RECORDS FOR PROCESSING Block Start

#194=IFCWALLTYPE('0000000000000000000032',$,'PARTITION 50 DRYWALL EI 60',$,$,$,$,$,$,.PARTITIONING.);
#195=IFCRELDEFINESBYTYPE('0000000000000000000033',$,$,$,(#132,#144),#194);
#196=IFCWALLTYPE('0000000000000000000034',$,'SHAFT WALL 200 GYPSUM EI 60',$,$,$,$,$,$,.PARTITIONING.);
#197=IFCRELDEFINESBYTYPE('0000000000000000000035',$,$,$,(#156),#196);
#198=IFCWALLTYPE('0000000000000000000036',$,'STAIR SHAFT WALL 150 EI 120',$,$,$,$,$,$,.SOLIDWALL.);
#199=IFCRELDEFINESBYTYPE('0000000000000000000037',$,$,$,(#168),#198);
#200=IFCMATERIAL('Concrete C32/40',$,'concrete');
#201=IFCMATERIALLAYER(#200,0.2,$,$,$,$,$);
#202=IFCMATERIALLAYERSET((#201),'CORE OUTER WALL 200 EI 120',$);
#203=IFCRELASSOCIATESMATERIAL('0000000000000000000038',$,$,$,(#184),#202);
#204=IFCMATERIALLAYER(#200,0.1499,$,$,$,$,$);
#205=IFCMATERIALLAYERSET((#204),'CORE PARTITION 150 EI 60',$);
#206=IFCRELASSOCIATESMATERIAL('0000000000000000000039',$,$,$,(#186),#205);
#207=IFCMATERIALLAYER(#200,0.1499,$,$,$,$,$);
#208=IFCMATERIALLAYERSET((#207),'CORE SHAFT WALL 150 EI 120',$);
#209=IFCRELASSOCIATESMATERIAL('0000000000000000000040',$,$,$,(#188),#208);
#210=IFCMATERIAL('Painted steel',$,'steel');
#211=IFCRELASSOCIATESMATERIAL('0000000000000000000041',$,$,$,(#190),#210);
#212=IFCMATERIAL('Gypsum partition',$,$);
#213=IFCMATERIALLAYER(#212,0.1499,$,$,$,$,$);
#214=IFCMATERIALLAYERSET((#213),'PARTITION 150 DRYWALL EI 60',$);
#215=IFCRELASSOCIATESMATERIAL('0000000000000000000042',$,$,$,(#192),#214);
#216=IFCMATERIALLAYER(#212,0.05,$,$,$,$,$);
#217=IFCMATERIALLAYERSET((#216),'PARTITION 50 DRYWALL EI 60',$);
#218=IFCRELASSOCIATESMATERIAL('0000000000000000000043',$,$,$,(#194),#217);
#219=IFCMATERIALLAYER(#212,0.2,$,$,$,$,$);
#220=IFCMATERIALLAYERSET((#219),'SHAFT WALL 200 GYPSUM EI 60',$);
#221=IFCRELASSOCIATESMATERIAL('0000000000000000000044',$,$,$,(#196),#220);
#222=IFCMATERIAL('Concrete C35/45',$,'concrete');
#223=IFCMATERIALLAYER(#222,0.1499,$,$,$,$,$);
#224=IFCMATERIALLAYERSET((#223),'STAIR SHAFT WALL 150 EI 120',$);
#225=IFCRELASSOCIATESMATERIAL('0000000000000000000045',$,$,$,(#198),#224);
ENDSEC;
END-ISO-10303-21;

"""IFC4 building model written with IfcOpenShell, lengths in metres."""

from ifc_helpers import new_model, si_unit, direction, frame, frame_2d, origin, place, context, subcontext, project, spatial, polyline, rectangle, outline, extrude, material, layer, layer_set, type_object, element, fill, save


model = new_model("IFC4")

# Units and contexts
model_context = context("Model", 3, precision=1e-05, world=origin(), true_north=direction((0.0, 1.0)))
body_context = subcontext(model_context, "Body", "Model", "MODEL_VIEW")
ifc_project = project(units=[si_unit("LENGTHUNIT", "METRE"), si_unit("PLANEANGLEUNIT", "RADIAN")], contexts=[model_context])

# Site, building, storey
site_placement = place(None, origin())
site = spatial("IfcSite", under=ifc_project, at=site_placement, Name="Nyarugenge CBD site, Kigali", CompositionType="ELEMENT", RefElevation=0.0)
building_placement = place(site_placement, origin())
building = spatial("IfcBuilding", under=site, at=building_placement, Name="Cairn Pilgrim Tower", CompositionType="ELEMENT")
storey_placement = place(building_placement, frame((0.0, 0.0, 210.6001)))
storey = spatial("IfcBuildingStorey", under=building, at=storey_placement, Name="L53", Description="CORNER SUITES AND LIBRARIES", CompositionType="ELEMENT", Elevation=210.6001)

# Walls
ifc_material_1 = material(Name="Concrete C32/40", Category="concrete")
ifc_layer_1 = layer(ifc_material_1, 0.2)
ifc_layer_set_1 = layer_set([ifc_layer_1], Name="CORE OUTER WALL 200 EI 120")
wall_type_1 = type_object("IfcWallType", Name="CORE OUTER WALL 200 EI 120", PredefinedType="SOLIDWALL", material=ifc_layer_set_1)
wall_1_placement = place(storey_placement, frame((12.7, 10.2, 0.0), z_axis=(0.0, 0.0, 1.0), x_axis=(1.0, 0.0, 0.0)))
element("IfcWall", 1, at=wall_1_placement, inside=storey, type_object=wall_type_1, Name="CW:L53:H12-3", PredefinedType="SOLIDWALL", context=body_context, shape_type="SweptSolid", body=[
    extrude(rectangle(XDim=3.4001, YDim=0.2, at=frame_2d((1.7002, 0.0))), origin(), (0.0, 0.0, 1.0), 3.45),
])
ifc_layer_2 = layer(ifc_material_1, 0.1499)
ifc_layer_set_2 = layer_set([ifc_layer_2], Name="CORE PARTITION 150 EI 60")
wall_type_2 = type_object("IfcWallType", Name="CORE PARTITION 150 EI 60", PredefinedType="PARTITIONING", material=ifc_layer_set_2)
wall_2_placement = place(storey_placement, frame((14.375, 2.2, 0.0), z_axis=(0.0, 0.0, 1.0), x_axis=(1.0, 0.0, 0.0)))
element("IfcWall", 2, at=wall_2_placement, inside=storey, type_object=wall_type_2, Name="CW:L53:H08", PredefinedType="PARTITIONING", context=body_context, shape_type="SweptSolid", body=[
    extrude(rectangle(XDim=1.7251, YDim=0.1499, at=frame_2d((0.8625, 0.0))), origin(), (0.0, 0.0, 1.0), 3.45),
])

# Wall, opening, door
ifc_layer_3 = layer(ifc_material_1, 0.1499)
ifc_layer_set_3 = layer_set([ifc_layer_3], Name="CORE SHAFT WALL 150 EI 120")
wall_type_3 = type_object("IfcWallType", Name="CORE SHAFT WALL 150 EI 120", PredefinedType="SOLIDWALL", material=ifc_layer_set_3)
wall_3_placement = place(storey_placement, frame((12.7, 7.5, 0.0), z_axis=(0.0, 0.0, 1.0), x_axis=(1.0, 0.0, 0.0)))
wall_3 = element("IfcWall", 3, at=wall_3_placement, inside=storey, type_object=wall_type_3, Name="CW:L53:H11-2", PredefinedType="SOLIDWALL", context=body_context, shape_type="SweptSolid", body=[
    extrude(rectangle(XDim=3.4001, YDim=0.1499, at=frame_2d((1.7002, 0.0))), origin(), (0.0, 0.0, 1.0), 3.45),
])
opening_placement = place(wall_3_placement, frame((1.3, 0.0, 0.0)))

RECORDS FOR PROCESSING Block End

- TO DO -
Find and copy every line in the entries above where the string "direction" occurs.

- TASK OUTPUT -
from ifc_helpers import new_model, si_unit, direction, frame, frame_2d, origin, place, context, subcontext, project, spatial, polyline, rectangle, outline, extrude, material, layer, layer_set, type_object, element, fill, save
model_context = context("Model", 3, precision=1e-05, world=origin(), true_north=direction((0.0, 1.0)))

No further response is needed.